▶ _Work to be completed_: Report each line of the data that includes the word "Name".

▶ _Material provided_:
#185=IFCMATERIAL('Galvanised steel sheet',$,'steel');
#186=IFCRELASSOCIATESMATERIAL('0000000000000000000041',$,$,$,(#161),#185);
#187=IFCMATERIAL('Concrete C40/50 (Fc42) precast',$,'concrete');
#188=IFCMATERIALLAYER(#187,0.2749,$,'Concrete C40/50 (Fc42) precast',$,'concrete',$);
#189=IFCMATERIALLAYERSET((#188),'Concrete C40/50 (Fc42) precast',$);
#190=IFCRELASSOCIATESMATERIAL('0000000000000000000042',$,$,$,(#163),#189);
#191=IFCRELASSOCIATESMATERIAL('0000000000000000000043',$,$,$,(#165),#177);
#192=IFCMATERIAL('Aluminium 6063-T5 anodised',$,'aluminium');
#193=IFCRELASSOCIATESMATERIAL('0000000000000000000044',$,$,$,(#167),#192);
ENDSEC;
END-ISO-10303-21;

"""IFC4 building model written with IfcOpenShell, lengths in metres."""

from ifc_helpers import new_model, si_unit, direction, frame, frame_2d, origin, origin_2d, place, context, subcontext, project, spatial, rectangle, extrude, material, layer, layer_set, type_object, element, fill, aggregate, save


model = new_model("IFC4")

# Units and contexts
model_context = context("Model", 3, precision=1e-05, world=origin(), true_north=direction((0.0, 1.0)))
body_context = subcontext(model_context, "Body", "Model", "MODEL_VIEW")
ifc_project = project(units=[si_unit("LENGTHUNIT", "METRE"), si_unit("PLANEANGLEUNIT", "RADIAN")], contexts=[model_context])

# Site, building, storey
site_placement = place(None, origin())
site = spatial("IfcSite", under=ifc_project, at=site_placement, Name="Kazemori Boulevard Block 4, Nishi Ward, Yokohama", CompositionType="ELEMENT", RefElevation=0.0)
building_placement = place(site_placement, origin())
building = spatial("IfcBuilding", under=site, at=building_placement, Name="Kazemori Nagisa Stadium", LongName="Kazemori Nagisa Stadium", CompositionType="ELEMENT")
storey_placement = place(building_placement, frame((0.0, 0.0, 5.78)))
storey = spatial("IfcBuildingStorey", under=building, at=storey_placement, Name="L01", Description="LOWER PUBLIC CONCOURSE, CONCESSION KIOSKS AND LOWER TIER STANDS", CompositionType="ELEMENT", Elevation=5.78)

▶ _Reply to the exercise_:
site = spatial("IfcSite", under=ifc_project, at=site_placement, Name="Kazemori Boulevard Block 4, Nishi Ward, Yokohama", CompositionType="ELEMENT", RefElevation=0.0)
building = spatial("IfcBuilding", under=site, at=building_placement, Name="Kazemori Nagisa Stadium", LongName="Kazemori Nagisa Stadium", CompositionType="ELEMENT")
storey = spatial("IfcBuildingStorey", under=building, at=storey_placement, Name="L01", Description="LOWER PUBLIC CONCOURSE, CONCESSION KIOSKS AND LOWER TIER STANDS", CompositionType="ELEMENT", Elevation=5.78)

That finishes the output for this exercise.